_What you should do_:
Look through the data that follows and copy each line with the string "where".

_Data section_:
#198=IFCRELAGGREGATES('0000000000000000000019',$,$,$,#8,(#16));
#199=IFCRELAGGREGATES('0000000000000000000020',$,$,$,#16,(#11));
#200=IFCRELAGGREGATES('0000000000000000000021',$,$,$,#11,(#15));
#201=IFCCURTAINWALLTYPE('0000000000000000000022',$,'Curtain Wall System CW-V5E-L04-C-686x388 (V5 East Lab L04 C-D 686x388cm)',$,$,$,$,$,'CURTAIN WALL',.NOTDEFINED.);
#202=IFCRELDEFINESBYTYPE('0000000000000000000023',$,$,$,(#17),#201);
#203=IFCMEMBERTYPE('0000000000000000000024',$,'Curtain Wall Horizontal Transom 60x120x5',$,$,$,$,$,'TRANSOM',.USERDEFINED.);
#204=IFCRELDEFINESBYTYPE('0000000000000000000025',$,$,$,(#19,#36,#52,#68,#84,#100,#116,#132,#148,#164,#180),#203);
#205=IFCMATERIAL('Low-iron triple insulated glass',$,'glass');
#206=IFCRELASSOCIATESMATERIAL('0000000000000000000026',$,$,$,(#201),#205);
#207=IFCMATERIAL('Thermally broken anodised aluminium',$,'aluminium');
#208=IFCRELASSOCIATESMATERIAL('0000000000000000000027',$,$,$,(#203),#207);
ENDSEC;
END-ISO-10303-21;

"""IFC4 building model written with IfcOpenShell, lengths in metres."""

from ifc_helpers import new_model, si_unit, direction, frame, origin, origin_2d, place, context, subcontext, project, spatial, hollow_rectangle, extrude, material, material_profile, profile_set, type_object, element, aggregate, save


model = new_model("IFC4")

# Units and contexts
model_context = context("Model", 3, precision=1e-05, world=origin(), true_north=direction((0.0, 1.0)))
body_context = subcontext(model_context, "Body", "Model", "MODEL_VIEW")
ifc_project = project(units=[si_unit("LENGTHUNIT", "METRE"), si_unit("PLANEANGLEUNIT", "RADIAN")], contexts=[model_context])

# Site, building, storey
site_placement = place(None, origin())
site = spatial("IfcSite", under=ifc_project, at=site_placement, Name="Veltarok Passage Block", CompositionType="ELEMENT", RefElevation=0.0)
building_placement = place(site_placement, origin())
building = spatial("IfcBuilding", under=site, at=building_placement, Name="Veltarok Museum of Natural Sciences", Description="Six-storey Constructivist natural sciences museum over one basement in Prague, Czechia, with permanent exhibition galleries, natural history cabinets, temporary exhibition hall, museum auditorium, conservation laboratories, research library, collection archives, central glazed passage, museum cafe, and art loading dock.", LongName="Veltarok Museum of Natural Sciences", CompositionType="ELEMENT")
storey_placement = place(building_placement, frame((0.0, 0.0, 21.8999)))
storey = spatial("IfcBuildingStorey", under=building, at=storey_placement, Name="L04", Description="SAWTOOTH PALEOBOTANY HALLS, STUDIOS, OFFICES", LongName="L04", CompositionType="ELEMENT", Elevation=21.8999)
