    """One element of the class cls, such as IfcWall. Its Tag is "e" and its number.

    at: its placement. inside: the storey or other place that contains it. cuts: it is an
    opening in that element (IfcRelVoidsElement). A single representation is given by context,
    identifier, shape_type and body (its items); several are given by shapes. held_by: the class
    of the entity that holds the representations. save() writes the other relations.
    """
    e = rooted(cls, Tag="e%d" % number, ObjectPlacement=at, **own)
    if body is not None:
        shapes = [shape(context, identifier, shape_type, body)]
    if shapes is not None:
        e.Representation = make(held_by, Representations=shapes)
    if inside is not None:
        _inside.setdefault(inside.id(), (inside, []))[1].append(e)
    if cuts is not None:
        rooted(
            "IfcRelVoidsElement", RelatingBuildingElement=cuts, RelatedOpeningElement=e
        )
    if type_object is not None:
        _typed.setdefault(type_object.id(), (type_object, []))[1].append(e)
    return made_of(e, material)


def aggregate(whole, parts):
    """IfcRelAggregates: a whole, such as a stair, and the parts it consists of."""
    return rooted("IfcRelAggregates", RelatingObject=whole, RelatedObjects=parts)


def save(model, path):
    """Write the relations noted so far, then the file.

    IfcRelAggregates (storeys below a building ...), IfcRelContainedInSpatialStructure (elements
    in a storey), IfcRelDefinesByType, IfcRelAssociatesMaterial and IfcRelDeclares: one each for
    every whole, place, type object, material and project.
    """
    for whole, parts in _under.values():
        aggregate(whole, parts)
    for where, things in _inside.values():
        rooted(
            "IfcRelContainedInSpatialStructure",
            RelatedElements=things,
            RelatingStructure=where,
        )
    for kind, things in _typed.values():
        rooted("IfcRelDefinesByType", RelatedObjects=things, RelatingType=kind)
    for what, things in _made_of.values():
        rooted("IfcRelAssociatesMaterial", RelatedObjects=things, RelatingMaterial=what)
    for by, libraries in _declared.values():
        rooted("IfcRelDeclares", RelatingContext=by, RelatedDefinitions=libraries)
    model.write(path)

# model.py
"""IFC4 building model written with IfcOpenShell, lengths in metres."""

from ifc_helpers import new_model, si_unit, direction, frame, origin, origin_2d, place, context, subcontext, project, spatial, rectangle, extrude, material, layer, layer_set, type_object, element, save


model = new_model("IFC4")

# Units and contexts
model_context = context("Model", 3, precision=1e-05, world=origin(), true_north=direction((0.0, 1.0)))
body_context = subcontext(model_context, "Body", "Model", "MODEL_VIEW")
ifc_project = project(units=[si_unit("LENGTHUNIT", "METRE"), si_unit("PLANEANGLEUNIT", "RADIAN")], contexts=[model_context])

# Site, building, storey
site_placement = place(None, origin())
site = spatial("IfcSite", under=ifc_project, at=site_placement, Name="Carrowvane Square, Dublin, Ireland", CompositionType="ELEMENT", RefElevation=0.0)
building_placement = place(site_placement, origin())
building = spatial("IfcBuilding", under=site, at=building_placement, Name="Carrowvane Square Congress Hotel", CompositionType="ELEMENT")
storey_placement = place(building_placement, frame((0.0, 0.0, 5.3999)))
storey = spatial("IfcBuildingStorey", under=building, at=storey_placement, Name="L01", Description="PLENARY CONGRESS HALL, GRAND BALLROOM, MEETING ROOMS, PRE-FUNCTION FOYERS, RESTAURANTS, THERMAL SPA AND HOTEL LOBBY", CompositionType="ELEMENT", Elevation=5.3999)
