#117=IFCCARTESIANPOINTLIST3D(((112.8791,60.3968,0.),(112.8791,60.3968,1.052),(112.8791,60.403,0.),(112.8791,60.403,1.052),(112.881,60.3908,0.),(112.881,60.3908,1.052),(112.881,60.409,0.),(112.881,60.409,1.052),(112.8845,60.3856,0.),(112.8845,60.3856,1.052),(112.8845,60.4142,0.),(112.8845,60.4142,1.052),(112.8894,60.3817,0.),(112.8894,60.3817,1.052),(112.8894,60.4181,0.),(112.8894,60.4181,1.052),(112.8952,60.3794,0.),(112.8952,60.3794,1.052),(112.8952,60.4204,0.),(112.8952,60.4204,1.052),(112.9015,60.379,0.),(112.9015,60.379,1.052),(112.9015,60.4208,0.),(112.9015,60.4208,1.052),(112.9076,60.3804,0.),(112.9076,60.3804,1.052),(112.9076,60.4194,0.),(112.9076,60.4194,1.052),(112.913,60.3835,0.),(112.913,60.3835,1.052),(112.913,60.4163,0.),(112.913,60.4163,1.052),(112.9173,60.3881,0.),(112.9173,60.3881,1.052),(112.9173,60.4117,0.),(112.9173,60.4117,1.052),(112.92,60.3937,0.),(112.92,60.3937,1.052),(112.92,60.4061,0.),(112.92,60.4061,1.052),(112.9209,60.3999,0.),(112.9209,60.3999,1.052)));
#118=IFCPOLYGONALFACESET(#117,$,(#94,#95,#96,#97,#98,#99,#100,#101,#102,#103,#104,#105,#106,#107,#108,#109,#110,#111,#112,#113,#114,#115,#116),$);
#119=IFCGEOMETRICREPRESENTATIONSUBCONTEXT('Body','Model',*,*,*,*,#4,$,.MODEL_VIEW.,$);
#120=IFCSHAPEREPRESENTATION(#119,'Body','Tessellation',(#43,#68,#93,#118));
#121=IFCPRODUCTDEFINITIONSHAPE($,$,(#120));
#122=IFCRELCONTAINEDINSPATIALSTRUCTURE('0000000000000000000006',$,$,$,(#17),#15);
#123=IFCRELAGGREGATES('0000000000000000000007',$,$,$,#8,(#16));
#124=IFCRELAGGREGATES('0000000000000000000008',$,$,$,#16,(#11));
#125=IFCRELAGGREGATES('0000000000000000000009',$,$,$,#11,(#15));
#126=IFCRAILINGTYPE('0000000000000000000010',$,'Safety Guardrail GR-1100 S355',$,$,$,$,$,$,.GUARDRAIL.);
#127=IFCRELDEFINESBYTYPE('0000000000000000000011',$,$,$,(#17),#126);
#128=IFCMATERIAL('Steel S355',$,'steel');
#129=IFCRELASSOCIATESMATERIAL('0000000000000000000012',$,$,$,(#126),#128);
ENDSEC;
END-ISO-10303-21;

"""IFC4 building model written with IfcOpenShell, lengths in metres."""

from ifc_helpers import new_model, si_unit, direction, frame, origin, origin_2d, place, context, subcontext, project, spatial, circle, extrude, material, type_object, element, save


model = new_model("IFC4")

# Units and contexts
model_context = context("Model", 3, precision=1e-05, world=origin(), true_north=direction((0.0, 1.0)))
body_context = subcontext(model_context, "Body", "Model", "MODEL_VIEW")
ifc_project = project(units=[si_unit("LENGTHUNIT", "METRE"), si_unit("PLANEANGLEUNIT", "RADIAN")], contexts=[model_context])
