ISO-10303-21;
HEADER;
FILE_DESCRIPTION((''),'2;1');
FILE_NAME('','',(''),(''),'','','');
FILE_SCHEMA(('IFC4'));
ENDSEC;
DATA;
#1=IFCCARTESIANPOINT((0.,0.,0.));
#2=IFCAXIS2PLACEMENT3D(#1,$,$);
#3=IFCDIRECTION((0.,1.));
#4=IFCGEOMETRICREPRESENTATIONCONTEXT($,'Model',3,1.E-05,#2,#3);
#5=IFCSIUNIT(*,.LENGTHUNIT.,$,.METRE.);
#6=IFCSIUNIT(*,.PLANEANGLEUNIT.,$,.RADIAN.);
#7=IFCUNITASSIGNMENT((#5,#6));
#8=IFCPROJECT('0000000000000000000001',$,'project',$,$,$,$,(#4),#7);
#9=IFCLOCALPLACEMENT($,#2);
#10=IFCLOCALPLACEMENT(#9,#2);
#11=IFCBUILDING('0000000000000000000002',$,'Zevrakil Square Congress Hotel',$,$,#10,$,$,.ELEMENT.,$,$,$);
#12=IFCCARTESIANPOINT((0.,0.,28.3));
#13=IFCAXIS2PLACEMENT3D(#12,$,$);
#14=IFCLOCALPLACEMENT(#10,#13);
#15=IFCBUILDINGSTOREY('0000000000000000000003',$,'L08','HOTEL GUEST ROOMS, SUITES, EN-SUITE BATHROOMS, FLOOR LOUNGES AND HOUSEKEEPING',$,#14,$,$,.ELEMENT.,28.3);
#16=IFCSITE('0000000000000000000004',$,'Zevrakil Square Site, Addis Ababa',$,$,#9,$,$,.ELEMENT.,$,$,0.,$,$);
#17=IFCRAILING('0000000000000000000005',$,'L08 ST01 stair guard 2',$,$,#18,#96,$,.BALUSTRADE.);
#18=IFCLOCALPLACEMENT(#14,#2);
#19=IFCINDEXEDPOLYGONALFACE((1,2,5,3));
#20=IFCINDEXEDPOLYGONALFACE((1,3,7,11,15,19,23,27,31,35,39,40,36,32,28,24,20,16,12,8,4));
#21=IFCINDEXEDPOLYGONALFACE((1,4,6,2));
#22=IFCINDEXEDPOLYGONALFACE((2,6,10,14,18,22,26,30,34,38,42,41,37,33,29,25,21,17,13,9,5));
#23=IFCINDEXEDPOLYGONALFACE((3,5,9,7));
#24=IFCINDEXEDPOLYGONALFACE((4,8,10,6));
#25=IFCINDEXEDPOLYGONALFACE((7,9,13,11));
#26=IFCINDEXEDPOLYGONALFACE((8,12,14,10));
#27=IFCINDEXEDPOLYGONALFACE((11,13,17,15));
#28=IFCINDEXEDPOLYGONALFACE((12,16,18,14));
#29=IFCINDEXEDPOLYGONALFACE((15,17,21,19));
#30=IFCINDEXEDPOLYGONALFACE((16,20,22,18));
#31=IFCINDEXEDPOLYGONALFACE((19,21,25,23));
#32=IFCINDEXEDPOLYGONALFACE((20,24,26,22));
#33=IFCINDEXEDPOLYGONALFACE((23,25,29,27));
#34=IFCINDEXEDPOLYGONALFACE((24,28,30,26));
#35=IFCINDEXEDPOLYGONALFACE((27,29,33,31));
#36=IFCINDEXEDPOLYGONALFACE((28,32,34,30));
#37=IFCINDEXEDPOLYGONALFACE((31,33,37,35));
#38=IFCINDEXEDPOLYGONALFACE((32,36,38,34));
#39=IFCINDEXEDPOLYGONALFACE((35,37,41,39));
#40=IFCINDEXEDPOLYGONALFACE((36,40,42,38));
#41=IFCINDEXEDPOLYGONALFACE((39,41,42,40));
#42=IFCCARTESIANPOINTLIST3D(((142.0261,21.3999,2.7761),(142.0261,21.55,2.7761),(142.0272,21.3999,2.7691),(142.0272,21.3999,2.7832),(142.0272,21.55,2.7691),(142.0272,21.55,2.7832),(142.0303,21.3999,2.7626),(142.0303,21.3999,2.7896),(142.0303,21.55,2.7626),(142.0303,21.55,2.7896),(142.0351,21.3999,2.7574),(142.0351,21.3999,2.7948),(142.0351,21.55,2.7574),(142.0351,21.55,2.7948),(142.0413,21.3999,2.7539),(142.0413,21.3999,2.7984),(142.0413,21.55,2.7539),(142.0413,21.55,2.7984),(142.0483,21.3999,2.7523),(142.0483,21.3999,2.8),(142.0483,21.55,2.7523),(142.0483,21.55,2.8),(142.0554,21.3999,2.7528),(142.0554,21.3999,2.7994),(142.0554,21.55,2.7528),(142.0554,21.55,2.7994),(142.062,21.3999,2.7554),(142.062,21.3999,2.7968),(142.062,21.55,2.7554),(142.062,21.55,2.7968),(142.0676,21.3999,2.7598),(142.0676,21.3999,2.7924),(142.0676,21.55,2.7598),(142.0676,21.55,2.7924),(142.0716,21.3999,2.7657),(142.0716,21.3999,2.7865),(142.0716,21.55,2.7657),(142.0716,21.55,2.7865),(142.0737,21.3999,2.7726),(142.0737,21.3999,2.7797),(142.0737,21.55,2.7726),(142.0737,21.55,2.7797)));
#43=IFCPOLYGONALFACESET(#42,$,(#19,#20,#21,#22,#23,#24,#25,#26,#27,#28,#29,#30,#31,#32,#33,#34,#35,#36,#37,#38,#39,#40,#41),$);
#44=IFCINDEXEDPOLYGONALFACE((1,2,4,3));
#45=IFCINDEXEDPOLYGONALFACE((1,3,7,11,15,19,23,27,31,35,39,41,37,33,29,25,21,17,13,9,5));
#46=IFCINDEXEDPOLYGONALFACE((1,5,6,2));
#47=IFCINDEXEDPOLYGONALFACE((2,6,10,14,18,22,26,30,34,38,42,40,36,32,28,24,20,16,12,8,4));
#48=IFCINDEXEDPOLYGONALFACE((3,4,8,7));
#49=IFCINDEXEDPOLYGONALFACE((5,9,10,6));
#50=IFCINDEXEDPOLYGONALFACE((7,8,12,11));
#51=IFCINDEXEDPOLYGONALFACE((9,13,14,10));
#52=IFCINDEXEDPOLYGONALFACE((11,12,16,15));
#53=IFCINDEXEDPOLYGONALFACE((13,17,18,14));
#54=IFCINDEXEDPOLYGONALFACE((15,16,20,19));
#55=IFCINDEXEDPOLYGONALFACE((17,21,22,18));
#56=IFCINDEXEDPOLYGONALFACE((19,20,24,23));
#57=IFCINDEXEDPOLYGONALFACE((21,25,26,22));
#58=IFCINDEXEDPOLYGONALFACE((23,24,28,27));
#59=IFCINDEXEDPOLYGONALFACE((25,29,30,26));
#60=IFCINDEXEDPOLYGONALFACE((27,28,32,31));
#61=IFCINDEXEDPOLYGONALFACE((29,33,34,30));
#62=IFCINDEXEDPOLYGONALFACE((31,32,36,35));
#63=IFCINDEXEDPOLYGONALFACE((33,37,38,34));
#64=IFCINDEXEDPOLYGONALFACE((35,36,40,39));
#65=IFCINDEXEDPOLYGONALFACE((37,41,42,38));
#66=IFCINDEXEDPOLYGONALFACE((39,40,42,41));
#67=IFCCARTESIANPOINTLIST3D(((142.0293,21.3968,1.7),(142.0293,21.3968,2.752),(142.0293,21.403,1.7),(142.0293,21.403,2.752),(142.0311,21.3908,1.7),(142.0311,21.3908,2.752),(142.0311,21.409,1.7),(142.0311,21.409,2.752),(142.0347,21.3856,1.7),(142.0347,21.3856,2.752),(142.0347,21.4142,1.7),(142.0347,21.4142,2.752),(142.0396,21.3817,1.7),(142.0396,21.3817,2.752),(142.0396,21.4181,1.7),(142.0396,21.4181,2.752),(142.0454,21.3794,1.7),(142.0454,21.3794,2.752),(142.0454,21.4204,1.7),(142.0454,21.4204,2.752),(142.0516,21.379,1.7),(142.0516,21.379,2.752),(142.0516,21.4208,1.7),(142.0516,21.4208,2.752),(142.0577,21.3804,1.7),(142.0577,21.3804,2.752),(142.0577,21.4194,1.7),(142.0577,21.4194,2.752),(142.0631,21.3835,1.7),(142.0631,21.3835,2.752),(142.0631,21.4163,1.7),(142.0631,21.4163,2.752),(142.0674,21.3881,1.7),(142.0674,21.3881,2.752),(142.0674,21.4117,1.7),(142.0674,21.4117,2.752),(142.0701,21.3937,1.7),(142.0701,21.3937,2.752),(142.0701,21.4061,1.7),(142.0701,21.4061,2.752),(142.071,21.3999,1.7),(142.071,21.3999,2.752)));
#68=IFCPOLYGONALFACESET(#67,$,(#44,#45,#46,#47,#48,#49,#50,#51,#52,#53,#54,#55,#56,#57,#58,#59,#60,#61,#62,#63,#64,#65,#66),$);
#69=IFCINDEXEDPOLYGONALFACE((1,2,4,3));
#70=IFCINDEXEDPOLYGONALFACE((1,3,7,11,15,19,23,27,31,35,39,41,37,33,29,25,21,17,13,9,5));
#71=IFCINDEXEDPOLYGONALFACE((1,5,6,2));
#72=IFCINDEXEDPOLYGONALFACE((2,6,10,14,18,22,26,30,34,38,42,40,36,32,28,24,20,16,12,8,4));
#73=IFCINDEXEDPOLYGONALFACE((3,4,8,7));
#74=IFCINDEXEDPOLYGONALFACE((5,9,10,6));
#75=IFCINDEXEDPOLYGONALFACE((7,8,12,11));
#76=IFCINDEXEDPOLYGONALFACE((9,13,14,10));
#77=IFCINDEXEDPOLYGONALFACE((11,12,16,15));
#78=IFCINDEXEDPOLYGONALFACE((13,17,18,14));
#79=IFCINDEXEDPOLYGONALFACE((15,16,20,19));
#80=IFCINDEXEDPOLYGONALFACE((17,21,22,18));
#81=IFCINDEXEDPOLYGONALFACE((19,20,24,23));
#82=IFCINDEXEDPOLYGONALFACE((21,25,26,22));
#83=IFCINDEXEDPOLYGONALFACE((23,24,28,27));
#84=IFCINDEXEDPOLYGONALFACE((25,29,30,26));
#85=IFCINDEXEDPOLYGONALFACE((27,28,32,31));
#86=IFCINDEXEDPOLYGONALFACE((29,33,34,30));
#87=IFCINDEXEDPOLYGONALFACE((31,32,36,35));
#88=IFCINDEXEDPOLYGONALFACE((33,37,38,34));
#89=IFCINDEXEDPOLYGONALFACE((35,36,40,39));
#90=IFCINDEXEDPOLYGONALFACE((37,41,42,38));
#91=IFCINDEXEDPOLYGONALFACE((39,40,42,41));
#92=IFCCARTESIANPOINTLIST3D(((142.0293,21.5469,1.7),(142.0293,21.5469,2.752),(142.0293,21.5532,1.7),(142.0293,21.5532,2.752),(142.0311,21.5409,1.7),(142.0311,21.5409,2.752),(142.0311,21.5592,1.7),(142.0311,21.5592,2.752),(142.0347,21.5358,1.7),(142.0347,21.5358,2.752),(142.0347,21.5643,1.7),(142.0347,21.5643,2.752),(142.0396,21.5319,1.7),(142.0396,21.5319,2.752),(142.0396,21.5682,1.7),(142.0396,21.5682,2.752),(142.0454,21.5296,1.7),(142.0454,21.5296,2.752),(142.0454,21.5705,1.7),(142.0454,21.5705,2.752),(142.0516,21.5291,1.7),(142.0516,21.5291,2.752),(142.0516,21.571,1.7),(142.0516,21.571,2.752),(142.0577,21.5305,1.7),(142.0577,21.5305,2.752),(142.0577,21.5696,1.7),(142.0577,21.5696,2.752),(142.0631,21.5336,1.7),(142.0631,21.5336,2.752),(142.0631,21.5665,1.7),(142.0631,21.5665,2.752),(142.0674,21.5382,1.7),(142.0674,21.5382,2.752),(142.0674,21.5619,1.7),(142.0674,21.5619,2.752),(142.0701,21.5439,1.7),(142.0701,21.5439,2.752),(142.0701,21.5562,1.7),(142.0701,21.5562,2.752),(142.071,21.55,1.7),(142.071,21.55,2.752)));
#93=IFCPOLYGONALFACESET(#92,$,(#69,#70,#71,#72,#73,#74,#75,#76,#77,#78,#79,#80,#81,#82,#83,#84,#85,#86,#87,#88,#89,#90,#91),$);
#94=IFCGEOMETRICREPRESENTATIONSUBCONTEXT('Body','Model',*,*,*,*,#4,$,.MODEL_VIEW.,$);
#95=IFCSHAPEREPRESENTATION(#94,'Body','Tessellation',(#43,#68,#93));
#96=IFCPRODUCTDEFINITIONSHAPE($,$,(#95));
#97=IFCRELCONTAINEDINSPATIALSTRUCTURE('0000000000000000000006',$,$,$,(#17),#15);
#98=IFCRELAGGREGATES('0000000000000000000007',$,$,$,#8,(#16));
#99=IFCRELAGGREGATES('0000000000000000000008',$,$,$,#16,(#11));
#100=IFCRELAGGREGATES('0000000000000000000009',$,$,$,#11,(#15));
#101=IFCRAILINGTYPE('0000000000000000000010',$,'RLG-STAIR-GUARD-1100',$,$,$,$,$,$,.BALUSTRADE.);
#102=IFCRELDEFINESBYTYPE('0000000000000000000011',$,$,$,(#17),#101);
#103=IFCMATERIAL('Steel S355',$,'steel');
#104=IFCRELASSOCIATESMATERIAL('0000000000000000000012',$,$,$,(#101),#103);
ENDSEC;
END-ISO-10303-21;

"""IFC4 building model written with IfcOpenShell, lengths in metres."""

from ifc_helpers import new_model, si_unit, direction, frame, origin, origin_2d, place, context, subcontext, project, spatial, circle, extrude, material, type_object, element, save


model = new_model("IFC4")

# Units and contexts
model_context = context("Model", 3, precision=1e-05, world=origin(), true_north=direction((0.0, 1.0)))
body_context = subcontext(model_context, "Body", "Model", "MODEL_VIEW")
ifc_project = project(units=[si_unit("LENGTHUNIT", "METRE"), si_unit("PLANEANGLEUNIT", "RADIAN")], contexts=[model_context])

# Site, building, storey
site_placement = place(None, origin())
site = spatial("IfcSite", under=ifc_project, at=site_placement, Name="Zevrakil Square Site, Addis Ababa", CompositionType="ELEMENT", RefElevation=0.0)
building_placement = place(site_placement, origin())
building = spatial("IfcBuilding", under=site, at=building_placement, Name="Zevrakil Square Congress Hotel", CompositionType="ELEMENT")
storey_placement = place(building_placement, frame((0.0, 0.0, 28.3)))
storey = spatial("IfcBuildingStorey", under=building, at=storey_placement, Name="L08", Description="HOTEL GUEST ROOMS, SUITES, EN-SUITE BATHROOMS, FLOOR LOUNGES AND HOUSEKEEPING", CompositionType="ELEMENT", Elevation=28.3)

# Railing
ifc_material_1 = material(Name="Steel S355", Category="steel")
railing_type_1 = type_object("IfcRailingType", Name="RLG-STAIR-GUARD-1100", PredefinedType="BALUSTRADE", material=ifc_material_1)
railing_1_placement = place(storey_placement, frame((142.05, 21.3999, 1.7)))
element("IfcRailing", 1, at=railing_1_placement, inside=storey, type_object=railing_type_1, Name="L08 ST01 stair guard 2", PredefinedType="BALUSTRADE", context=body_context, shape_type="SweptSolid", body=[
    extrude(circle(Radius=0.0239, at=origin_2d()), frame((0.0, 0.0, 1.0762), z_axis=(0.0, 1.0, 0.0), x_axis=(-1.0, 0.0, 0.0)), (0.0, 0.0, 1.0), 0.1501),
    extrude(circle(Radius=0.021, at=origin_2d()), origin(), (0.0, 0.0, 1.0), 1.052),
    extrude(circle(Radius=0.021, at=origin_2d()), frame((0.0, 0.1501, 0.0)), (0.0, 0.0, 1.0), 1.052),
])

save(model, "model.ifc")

_Solution_:
    for where, things in _inside.values():
            RelatingStructure=where,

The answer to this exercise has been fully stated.